Task description:
Each line of the data below containing "Yard" needs to be listed.

(Collected data entries)
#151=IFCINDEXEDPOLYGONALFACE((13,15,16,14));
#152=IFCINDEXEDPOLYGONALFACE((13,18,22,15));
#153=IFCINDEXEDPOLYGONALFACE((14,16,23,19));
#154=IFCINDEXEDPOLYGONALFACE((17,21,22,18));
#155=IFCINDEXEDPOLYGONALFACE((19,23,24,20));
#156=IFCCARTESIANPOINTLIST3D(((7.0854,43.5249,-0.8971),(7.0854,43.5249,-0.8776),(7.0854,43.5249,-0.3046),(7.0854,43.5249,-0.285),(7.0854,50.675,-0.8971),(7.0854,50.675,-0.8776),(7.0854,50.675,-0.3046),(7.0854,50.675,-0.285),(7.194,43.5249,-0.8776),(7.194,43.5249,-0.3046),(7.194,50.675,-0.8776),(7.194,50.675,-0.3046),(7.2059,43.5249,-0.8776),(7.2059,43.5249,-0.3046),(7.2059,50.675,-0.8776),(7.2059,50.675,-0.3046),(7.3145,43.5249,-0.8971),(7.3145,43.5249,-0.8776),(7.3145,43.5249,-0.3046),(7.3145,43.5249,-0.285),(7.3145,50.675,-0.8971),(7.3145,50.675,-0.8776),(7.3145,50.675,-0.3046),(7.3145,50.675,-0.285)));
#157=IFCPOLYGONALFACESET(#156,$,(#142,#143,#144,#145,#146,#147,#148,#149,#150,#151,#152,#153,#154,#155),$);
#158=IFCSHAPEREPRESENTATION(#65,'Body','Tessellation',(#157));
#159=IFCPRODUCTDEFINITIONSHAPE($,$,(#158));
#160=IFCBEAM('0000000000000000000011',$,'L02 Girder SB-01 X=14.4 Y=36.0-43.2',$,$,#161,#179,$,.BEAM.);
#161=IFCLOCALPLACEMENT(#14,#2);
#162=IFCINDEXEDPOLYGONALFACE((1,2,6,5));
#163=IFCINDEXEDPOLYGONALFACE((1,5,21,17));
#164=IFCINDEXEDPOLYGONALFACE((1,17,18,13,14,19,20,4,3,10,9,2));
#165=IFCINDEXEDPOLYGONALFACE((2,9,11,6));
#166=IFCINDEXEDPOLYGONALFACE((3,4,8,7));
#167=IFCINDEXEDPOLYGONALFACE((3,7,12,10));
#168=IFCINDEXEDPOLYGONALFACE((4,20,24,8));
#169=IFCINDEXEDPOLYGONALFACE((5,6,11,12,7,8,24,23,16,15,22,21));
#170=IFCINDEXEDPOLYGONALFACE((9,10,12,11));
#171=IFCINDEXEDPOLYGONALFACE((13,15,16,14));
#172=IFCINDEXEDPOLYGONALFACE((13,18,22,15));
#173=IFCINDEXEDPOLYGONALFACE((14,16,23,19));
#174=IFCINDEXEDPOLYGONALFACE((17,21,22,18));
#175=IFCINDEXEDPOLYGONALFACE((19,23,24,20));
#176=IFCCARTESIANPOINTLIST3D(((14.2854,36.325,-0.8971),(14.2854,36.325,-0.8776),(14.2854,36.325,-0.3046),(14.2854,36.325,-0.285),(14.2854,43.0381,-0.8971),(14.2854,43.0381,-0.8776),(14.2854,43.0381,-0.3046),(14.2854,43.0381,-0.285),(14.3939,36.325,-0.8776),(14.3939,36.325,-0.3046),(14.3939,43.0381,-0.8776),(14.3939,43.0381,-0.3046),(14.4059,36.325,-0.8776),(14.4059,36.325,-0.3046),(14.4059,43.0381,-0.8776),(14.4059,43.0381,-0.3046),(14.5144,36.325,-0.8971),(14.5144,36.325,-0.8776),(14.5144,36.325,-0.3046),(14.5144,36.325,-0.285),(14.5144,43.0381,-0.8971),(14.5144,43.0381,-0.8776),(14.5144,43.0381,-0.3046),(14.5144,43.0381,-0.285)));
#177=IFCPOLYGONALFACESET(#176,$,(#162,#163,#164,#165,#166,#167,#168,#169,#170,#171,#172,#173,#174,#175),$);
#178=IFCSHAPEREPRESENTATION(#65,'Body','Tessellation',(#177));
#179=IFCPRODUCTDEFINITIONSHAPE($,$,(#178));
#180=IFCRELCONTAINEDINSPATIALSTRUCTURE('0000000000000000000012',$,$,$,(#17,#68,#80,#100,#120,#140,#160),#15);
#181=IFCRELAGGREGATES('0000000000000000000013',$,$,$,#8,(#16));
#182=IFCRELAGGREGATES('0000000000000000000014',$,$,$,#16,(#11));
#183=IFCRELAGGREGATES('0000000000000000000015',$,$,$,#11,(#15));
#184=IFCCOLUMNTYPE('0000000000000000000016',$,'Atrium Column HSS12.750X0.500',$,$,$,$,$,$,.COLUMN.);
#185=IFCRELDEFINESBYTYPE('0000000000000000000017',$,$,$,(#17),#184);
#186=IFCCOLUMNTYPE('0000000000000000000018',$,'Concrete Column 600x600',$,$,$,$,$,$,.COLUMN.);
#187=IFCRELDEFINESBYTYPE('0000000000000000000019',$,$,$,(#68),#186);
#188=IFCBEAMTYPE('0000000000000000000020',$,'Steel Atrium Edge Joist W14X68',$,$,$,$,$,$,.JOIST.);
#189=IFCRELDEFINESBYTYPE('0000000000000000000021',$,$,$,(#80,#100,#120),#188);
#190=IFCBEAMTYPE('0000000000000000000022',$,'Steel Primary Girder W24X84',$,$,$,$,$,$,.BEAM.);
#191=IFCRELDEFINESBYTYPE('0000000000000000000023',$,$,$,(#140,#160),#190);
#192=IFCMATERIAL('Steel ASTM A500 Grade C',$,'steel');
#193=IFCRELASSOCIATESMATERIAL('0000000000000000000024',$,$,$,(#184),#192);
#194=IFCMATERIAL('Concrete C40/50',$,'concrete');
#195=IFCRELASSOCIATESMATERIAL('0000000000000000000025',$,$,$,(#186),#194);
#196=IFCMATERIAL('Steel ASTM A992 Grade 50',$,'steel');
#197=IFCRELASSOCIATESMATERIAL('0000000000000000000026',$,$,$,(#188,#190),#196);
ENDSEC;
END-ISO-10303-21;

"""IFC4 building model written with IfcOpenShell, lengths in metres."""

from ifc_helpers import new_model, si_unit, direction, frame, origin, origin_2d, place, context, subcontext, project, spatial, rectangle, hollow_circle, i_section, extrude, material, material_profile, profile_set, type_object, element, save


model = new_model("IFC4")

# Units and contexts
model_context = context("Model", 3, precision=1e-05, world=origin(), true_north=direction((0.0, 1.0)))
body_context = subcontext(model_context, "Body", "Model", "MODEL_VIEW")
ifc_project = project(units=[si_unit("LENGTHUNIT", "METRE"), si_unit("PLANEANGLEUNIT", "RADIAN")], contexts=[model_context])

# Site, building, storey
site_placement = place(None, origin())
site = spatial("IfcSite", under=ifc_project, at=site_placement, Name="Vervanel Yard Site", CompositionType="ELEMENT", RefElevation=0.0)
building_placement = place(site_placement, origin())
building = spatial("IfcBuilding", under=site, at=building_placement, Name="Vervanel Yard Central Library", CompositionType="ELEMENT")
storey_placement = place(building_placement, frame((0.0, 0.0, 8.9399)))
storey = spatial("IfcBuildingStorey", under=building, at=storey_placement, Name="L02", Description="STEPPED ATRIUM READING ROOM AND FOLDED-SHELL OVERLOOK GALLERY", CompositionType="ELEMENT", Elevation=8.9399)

Task solution:
site = spatial("IfcSite", under=ifc_project, at=site_placement, Name="Vervanel Yard Site", CompositionType="ELEMENT", RefElevation=0.0)
building = spatial("IfcBuilding", under=site, at=building_placement, Name="Vervanel Yard Central Library", CompositionType="ELEMENT")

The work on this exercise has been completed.